What is expected: Restate each entry shown beneath this instruction, keeping its wording intact.

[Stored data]
::::

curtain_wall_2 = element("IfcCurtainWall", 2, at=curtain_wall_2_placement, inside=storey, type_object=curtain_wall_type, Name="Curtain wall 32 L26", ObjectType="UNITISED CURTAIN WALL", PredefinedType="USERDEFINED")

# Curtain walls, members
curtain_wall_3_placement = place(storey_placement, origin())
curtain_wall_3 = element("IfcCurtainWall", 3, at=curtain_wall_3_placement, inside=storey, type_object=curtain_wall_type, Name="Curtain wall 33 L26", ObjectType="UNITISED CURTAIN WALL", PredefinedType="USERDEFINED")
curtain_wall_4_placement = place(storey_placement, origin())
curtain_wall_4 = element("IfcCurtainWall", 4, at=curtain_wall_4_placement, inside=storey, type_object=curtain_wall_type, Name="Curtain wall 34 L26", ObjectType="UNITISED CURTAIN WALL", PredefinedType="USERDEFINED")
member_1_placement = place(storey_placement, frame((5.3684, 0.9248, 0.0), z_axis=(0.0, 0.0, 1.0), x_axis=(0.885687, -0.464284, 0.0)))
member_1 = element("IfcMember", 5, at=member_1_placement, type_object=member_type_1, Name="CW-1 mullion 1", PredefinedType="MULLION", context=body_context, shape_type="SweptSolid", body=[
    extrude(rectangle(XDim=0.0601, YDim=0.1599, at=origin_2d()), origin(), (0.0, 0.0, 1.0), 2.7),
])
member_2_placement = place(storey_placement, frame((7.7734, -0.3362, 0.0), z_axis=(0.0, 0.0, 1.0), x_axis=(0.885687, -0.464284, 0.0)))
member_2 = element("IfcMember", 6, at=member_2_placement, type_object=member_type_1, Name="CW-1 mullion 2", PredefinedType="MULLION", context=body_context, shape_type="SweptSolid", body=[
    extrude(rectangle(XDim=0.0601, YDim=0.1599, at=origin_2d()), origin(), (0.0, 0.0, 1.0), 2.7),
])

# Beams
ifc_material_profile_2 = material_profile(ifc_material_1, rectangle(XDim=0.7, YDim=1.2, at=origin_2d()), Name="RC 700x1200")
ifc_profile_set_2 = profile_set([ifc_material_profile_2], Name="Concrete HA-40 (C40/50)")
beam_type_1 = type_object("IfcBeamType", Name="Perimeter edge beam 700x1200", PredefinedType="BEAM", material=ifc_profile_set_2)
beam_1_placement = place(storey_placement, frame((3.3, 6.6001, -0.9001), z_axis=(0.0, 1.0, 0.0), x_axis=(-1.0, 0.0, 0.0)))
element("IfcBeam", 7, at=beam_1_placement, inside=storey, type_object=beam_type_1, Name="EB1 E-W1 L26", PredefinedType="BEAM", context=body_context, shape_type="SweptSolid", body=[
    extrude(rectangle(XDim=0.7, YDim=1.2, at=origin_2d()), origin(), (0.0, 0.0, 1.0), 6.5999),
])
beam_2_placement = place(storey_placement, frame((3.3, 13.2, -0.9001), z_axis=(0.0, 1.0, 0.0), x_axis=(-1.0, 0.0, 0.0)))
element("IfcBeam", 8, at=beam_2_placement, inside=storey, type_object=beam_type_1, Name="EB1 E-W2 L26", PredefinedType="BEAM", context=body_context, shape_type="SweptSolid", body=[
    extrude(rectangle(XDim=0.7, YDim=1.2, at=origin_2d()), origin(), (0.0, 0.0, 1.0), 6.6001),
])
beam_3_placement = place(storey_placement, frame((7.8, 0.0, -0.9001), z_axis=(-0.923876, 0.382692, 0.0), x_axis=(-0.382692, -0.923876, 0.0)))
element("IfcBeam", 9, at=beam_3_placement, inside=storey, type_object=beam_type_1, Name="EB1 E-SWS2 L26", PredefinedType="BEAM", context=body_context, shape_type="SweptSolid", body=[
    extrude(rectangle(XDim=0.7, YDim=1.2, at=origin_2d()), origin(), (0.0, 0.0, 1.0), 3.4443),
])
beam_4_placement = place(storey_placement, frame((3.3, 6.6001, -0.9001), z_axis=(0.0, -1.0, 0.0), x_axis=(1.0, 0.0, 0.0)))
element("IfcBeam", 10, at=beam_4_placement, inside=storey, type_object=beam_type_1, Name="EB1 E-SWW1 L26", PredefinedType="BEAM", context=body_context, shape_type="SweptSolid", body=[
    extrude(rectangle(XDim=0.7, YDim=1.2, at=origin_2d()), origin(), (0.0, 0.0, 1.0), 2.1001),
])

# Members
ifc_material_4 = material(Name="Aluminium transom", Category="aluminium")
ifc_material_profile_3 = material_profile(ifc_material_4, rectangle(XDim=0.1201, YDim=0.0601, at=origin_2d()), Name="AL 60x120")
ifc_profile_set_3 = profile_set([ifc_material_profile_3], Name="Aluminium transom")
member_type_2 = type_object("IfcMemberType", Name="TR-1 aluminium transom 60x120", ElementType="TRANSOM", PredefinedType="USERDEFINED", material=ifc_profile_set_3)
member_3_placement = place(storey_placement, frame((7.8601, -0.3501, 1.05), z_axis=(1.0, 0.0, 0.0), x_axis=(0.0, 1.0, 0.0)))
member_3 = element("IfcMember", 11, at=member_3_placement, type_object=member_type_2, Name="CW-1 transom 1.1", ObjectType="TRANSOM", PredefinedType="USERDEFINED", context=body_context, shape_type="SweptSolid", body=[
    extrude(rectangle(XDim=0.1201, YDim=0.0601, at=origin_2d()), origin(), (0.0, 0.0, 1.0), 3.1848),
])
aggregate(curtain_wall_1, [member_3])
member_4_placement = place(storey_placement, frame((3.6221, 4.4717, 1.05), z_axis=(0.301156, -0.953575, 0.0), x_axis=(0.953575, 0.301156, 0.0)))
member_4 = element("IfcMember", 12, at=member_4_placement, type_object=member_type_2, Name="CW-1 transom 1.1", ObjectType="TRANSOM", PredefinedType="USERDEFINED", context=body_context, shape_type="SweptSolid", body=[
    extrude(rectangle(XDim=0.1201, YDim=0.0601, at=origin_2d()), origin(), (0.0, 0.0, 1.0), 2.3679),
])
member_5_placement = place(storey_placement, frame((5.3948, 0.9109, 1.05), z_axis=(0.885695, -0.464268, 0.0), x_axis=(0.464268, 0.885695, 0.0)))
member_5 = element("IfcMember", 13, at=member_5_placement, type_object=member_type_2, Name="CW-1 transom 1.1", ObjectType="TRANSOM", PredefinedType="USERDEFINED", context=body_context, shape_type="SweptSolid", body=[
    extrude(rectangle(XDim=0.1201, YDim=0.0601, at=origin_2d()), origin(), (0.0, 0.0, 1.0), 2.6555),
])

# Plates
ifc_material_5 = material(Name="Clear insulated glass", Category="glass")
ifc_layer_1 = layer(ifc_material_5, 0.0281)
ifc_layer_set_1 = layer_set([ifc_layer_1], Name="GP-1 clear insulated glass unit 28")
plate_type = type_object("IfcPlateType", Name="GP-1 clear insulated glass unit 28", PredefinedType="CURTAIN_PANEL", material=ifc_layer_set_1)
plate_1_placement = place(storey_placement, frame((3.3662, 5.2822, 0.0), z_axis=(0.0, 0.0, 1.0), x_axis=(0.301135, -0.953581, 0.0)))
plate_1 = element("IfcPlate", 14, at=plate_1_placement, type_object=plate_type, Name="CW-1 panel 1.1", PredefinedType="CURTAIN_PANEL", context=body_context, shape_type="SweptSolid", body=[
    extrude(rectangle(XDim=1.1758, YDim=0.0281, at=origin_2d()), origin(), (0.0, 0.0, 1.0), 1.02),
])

::::

Result of the task:
curtain_wall_2 = element("IfcCurtainWall", 2, at=curtain_wall_2_placement, inside=storey, type_object=curtain_wall_type, Name="Curtain wall 32 L26", ObjectType="UNITISED CURTAIN WALL", PredefinedType="USERDEFINED")

# Curtain walls, members
curtain_wall_3_placement = place(storey_placement, origin())
curtain_wall_3 = element("IfcCurtainWall", 3, at=curtain_wall_3_placement, inside=storey, type_object=curtain_wall_type, Name="Curtain wall 33 L26", ObjectType="UNITISED CURTAIN WALL", PredefinedType="USERDEFINED")
curtain_wall_4_placement = place(storey_placement, origin())
curtain_wall_4 = element("IfcCurtainWall", 4, at=curtain_wall_4_placement, inside=storey, type_object=curtain_wall_type, Name="Curtain wall 34 L26", ObjectType="UNITISED CURTAIN WALL", PredefinedType="USERDEFINED")
member_1_placement = place(storey_placement, frame((5.3684, 0.9248, 0.0), z_axis=(0.0, 0.0, 1.0), x_axis=(0.885687, -0.464284, 0.0)))
member_1 = element("IfcMember", 5, at=member_1_placement, type_object=member_type_1, Name="CW-1 mullion 1", PredefinedType="MULLION", context=body_context, shape_type="SweptSolid", body=[
    extrude(rectangle(XDim=0.0601, YDim=0.1599, at=origin_2d()), origin(), (0.0, 0.0, 1.0), 2.7),
])
member_2_placement = place(storey_placement, frame((7.7734, -0.3362, 0.0), z_axis=(0.0, 0.0, 1.0), x_axis=(0.885687, -0.464284, 0.0)))
member_2 = element("IfcMember", 6, at=member_2_placement, type_object=member_type_1, Name="CW-1 mullion 2", PredefinedType="MULLION", context=body_context, shape_type="SweptSolid", body=[
    extrude(rectangle(XDim=0.0601, YDim=0.1599, at=origin_2d()), origin(), (0.0, 0.0, 1.0), 2.7),
])

# Beams
ifc_material_profile_2 = material_profile(ifc_material_1, rectangle(XDim=0.7, YDim=1.2, at=origin_2d()), Name="RC 700x1200")
ifc_profile_set_2 = profile_set([ifc_material_profile_2], Name="Concrete HA-40 (C40/50)")
beam_type_1 = type_object("IfcBeamType", Name="Perimeter edge beam 700x1200", PredefinedType="BEAM", material=ifc_profile_set_2)
beam_1_placement = place(storey_placement, frame((3.3, 6.6001, -0.9001), z_axis=(0.0, 1.0, 0.0), x_axis=(-1.0, 0.0, 0.0)))
element("IfcBeam", 7, at=beam_1_placement, inside=storey, type_object=beam_type_1, Name="EB1 E-W1 L26", PredefinedType="BEAM", context=body_context, shape_type="SweptSolid", body=[
    extrude(rectangle(XDim=0.7, YDim=1.2, at=origin_2d()), origin(), (0.0, 0.0, 1.0), 6.5999),
])
beam_2_placement = place(storey_placement, frame((3.3, 13.2, -0.9001), z_axis=(0.0, 1.0, 0.0), x_axis=(-1.0, 0.0, 0.0)))
element("IfcBeam", 8, at=beam_2_placement, inside=storey, type_object=beam_type_1, Name="EB1 E-W2 L26", PredefinedType="BEAM", context=body_context, shape_type="SweptSolid", body=[
    extrude(rectangle(XDim=0.7, YDim=1.2, at=origin_2d()), origin(), (0.0, 0.0, 1.0), 6.6001),
])
beam_3_placement = place(storey_placement, frame((7.8, 0.0, -0.9001), z_axis=(-0.923876, 0.382692, 0.0), x_axis=(-0.382692, -0.923876, 0.0)))
element("IfcBeam", 9, at=beam_3_placement, inside=storey, type_object=beam_type_1, Name="EB1 E-SWS2 L26", PredefinedType="BEAM", context=body_context, shape_type="SweptSolid", body=[
    extrude(rectangle(XDim=0.7, YDim=1.2, at=origin_2d()), origin(), (0.0, 0.0, 1.0), 3.4443),
])
beam_4_placement = place(storey_placement, frame((3.3, 6.6001, -0.9001), z_axis=(0.0, -1.0, 0.0), x_axis=(1.0, 0.0, 0.0)))
element("IfcBeam", 10, at=beam_4_placement, inside=storey, type_object=beam_type_1, Name="EB1 E-SWW1 L26", PredefinedType="BEAM", context=body_context, shape_type="SweptSolid", body=[
    extrude(rectangle(XDim=0.7, YDim=1.2, at=origin_2d()), origin(), (0.0, 0.0, 1.0), 2.1001),
])

# Members
ifc_material_4 = material(Name="Aluminium transom", Category="aluminium")
ifc_material_profile_3 = material_profile(ifc_material_4, rectangle(XDim=0.1201, YDim=0.0601, at=origin_2d()), Name="AL 60x120")
ifc_profile_set_3 = profile_set([ifc_material_profile_3], Name="Aluminium transom")
member_type_2 = type_object("IfcMemberType", Name="TR-1 aluminium transom 60x120", ElementType="TRANSOM", PredefinedType="USERDEFINED", material=ifc_profile_set_3)
member_3_placement = place(storey_placement, frame((7.8601, -0.3501, 1.05), z_axis=(1.0, 0.0, 0.0), x_axis=(0.0, 1.0, 0.0)))
member_3 = element("IfcMember", 11, at=member_3_placement, type_object=member_type_2, Name="CW-1 transom 1.1", ObjectType="TRANSOM", PredefinedType="USERDEFINED", context=body_context, shape_type="SweptSolid", body=[
    extrude(rectangle(XDim=0.1201, YDim=0.0601, at=origin_2d()), origin(), (0.0, 0.0, 1.0), 3.1848),
])
aggregate(curtain_wall_1, [member_3])
member_4_placement = place(storey_placement, frame((3.6221, 4.4717, 1.05), z_axis=(0.301156, -0.953575, 0.0), x_axis=(0.953575, 0.301156, 0.0)))
member_4 = element("IfcMember", 12, at=member_4_placement, type_object=member_type_2, Name="CW-1 transom 1.1", ObjectType="TRANSOM", PredefinedType="USERDEFINED", context=body_context, shape_type="SweptSolid", body=[
    extrude(rectangle(XDim=0.1201, YDim=0.0601, at=origin_2d()), origin(), (0.0, 0.0, 1.0), 2.3679),
])
member_5_placement = place(storey_placement, frame((5.3948, 0.9109, 1.05), z_axis=(0.885695, -0.464268, 0.0), x_axis=(0.464268, 0.885695, 0.0)))
member_5 = element("IfcMember", 13, at=member_5_placement, type_object=member_type_2, Name="CW-1 transom 1.1", ObjectType="TRANSOM", PredefinedType="USERDEFINED", context=body_context, shape_type="SweptSolid", body=[
    extrude(rectangle(XDim=0.1201, YDim=0.0601, at=origin_2d()), origin(), (0.0, 0.0, 1.0), 2.6555),
])

# Plates
ifc_material_5 = material(Name="Clear insulated glass", Category="glass")
ifc_layer_1 = layer(ifc_material_5, 0.0281)
ifc_layer_set_1 = layer_set([ifc_layer_1], Name="GP-1 clear insulated glass unit 28")
plate_type = type_object("IfcPlateType", Name="GP-1 clear insulated glass unit 28", PredefinedType="CURTAIN_PANEL", material=ifc_layer_set_1)
plate_1_placement = place(storey_placement, frame((3.3662, 5.2822, 0.0), z_axis=(0.0, 0.0, 1.0), x_axis=(0.301135, -0.953581, 0.0)))
plate_1 = element("IfcPlate", 14, at=plate_1_placement, type_object=plate_type, Name="CW-1 panel 1.1", PredefinedType="CURTAIN_PANEL", context=body_context, shape_type="SweptSolid", body=[
    extrude(rectangle(XDim=1.1758, YDim=0.0281, at=origin_2d()), origin(), (0.0, 0.0, 1.0), 1.02),
])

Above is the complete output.